____ Data

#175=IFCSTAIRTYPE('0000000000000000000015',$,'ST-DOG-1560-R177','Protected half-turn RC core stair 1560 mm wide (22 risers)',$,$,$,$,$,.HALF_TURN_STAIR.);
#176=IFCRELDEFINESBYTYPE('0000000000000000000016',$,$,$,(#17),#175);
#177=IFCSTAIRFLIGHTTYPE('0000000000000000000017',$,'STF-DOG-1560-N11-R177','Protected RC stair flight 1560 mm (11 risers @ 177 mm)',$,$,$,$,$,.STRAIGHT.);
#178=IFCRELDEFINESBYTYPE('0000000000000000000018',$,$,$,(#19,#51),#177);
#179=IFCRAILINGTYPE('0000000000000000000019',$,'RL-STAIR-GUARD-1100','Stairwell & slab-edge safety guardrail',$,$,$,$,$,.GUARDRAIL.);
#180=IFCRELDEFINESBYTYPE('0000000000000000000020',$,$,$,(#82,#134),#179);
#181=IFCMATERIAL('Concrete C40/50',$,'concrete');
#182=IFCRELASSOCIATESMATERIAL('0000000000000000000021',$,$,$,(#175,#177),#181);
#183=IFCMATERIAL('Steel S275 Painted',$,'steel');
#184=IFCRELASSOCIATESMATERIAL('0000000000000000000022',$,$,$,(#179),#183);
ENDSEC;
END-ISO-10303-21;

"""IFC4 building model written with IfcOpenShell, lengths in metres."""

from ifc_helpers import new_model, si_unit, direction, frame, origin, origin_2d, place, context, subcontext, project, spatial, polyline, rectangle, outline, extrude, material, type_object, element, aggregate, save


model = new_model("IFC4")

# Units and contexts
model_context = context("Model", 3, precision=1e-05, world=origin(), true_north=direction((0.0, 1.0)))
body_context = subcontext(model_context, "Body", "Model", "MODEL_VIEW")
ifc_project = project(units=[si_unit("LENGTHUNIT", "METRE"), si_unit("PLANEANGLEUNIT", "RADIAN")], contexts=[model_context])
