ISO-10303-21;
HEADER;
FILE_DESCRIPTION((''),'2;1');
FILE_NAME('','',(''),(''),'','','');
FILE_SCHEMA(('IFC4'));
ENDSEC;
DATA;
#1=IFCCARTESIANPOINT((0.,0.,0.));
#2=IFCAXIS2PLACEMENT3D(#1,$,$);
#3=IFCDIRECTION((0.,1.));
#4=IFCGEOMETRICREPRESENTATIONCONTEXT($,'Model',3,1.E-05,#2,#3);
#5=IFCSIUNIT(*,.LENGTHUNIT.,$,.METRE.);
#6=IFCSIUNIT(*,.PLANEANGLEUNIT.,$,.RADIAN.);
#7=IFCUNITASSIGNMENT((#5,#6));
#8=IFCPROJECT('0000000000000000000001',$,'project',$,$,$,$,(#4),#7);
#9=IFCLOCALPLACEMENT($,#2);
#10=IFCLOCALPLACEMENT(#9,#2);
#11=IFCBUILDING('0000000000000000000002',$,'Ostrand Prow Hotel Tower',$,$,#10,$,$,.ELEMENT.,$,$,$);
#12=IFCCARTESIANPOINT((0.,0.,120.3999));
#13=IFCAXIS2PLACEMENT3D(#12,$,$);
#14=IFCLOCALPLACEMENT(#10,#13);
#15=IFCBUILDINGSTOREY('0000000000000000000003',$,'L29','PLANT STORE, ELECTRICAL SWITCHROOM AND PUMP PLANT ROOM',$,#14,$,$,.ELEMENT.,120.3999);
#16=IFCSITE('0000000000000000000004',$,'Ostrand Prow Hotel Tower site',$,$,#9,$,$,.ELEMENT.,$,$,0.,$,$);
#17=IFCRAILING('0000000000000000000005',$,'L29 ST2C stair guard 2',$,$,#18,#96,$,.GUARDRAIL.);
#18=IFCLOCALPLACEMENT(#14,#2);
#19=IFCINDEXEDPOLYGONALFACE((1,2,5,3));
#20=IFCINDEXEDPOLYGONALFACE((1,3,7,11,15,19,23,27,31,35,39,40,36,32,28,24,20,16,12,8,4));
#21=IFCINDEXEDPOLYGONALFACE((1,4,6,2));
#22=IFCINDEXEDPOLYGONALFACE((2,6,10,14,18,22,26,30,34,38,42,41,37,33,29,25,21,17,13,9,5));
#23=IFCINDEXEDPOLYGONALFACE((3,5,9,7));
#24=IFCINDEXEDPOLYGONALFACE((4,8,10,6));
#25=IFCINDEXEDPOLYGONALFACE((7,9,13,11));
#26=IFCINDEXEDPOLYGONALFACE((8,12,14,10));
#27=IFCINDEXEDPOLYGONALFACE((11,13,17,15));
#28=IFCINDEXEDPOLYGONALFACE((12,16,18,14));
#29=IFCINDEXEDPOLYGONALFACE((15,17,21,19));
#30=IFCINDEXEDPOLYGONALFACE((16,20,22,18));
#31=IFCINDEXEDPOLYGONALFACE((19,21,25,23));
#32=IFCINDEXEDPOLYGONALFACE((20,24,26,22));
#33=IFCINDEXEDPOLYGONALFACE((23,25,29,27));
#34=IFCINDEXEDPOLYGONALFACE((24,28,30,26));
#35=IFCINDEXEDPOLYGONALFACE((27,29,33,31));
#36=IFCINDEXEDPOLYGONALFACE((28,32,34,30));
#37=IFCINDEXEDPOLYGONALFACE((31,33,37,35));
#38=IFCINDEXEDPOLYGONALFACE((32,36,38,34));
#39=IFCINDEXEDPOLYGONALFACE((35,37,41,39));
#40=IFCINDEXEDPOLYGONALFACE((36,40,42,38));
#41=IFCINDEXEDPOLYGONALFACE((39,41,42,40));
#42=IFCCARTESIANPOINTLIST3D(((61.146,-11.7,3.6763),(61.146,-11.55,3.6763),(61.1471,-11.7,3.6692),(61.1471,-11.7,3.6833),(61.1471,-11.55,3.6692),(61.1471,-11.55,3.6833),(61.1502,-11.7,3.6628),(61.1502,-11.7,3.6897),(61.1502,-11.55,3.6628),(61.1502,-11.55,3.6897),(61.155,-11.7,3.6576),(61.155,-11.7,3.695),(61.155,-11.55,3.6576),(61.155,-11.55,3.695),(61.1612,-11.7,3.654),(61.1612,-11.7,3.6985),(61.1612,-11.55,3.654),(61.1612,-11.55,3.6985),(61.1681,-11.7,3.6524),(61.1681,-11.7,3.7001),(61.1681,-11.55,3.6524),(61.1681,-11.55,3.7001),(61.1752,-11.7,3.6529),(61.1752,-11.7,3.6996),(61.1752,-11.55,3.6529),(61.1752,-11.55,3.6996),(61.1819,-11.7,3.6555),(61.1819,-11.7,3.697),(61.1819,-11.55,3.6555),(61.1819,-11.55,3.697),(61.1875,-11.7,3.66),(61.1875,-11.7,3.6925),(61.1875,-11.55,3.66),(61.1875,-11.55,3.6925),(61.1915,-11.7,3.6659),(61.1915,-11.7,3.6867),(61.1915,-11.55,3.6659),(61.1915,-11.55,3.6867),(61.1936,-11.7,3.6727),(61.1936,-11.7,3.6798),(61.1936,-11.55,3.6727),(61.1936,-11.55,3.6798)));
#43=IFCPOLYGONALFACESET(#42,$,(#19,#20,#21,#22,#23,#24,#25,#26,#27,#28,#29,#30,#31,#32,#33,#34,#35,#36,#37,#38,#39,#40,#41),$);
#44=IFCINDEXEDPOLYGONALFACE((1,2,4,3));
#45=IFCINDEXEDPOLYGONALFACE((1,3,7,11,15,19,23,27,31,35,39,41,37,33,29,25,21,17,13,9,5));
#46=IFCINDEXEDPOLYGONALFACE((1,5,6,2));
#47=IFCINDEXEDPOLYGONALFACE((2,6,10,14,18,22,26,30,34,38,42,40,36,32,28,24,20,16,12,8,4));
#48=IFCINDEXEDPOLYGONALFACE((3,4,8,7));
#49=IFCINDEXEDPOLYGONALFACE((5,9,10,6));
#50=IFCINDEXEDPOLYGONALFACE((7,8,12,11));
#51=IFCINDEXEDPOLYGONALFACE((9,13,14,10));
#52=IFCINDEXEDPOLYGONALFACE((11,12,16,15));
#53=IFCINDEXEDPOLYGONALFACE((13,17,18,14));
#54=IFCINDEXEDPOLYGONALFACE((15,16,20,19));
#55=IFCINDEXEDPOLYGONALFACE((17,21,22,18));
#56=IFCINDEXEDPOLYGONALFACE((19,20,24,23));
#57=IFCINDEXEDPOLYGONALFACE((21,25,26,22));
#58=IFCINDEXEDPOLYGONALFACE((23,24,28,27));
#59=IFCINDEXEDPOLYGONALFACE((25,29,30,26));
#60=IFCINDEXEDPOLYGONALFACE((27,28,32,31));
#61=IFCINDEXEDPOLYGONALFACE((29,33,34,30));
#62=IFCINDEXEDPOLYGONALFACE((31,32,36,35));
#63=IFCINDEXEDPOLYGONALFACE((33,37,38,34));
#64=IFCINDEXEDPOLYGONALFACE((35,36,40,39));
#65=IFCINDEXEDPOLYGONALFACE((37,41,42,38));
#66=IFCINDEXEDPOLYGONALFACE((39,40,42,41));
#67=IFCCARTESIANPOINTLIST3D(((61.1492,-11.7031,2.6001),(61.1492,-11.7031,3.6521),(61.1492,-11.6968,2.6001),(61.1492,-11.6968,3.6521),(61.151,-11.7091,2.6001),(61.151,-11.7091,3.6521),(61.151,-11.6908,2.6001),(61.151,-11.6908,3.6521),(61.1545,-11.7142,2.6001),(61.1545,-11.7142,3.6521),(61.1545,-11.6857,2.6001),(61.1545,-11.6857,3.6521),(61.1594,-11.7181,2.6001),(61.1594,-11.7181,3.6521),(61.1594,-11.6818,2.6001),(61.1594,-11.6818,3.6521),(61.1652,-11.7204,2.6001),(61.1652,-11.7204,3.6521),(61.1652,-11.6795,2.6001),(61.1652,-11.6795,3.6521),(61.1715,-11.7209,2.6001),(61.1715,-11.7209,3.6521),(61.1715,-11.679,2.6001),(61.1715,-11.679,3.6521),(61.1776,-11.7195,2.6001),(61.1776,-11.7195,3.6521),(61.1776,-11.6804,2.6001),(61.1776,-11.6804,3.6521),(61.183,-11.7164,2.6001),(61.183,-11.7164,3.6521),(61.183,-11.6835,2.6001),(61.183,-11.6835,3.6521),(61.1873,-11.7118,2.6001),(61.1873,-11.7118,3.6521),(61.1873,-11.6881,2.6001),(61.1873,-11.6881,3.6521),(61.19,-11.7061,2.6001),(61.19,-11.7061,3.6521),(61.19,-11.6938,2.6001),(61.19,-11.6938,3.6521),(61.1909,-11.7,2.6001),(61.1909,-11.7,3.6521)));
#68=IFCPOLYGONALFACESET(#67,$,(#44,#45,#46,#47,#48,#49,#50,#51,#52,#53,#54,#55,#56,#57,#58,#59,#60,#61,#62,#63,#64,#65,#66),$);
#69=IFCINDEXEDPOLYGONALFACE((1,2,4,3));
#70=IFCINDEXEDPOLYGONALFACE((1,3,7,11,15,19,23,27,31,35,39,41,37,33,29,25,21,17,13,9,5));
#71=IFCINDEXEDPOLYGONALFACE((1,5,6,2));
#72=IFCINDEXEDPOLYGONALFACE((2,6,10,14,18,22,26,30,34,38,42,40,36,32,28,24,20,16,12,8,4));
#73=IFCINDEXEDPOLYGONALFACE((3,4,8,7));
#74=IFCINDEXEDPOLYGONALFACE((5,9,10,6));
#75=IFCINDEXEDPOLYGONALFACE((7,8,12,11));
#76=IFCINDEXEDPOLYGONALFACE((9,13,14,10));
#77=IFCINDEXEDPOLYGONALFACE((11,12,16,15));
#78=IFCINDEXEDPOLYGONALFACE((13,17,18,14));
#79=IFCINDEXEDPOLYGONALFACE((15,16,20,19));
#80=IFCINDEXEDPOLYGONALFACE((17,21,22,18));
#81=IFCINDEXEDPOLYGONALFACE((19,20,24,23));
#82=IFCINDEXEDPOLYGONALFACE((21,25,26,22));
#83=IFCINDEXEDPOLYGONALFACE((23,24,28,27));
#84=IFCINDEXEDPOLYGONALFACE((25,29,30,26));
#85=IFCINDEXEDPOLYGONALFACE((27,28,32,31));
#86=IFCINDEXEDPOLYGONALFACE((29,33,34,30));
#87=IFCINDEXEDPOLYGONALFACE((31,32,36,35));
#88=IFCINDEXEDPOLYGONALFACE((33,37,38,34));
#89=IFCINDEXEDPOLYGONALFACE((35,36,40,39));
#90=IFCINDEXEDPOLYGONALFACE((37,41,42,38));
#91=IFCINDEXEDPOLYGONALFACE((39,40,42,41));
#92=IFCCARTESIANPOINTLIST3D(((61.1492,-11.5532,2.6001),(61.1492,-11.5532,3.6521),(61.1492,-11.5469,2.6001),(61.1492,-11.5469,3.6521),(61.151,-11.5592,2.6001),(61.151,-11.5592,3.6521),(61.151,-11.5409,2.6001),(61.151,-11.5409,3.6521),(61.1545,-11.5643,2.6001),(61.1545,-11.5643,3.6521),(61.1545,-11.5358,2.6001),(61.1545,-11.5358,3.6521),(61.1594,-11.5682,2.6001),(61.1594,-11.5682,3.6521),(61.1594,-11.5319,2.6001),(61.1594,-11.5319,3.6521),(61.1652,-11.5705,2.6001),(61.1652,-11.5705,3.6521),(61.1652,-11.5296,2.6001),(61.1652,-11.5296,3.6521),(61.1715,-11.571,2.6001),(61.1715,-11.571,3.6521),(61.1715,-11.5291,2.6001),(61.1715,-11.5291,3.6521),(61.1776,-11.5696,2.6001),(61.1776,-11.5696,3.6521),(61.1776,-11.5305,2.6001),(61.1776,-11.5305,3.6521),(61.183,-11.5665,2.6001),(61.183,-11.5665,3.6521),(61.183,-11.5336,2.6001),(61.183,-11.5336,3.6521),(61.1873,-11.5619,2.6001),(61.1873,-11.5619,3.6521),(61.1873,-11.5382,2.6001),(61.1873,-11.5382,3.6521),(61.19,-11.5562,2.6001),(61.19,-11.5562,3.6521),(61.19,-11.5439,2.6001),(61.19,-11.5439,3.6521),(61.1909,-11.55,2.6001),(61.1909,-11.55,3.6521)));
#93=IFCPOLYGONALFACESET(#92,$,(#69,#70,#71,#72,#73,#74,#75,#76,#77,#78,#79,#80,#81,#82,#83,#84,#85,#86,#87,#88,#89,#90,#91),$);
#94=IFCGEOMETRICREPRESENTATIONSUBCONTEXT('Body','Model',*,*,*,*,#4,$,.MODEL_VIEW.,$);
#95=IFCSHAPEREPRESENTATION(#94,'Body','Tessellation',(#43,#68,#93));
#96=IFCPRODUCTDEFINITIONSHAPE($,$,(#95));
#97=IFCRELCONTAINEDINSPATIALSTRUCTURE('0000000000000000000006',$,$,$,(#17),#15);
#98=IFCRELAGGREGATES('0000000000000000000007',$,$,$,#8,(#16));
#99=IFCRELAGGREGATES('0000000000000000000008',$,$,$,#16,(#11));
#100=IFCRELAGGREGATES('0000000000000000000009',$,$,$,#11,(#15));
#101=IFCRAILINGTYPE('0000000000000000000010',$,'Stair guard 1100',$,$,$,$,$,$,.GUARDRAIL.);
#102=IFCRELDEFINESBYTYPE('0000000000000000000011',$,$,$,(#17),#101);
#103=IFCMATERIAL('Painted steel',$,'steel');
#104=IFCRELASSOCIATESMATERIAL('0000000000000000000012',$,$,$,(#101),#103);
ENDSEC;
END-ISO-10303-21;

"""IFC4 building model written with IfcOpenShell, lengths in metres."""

from ifc_helpers import new_model, si_unit, direction, frame, origin, origin_2d, place, context, subcontext, project, spatial, circle, extrude, material, type_object, element, save


model = new_model("IFC4")

# Units and contexts
model_context = context("Model", 3, precision=1e-05, world=origin(), true_north=direction((0.0, 1.0)))
body_context = subcontext(model_context, "Body", "Model", "MODEL_VIEW")
ifc_project = project(units=[si_unit("LENGTHUNIT", "METRE"), si_unit("PLANEANGLEUNIT", "RADIAN")], contexts=[model_context])

# Site, building, storey
site_placement = place(None, origin())
site = spatial("IfcSite", under=ifc_project, at=site_placement, Name="Ostrand Prow Hotel Tower site", CompositionType="ELEMENT", RefElevation=0.0)
building_placement = place(site_placement, origin())
building = spatial("IfcBuilding", under=site, at=building_placement, Name="Ostrand Prow Hotel Tower", CompositionType="ELEMENT")
storey_placement = place(building_placement, frame((0.0, 0.0, 120.3999)))
storey = spatial("IfcBuildingStorey", under=building, at=storey_placement, Name="L29", Description="PLANT STORE, ELECTRICAL SWITCHROOM AND PUMP PLANT ROOM", CompositionType="ELEMENT", Elevation=120.3999)

# Railing
ifc_material_1 = material(Name="Painted steel", Category="steel")
railing_type_1 = type_object("IfcRailingType", Name="Stair guard 1100", PredefinedType="GUARDRAIL", material=ifc_material_1)
railing_1_placement = place(storey_placement, frame((61.1699, -11.7, 2.6001)))
element("IfcRailing", 1, at=railing_1_placement, inside=storey, type_object=railing_type_1, Name="L29 ST2C stair guard 2", PredefinedType="GUARDRAIL", context=body_context, shape_type="SweptSolid", body=[
    extrude(circle(Radius=0.0239, at=origin_2d()), frame((0.0, 0.0, 1.0762), z_axis=(0.0, 1.0, 0.0), x_axis=(-1.0, 0.0, 0.0)), (0.0, 0.0, 1.0), 0.1499),
    extrude(circle(Radius=0.021, at=origin_2d()), origin(), (0.0, 0.0, 1.0), 1.052),
    extrude(circle(Radius=0.021, at=origin_2d()), frame((0.0, 0.1499, 0.0)), (0.0, 0.0, 1.0), 1.052),
])

save(model, "model.ifc")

________

- [What you should do]
Please print the lines from the start of the records up to and including the line with "#181=IFCMATERIAL('Concrete C40/50',$,'concrete');", copying each one exactly and leaving out the rest.

- [Reply to the task]
#175=IFCSTAIRTYPE('0000000000000000000015',$,'ST-DOG-1560-R177','Protected half-turn RC core stair 1560 mm wide (22 risers)',$,$,$,$,$,.HALF_TURN_STAIR.);
#176=IFCRELDEFINESBYTYPE('0000000000000000000016',$,$,$,(#17),#175);
#177=IFCSTAIRFLIGHTTYPE('0000000000000000000017',$,'STF-DOG-1560-N11-R177','Protected RC stair flight 1560 mm (11 risers @ 177 mm)',$,$,$,$,$,.STRAIGHT.);
#178=IFCRELDEFINESBYTYPE('0000000000000000000018',$,$,$,(#19,#51),#177);
#179=IFCRAILINGTYPE('0000000000000000000019',$,'RL-STAIR-GUARD-1100','Stairwell & slab-edge safety guardrail',$,$,$,$,$,.GUARDRAIL.);
#180=IFCRELDEFINESBYTYPE('0000000000000000000020',$,$,$,(#82,#134),#179);
#181=IFCMATERIAL('Concrete C40/50',$,'concrete');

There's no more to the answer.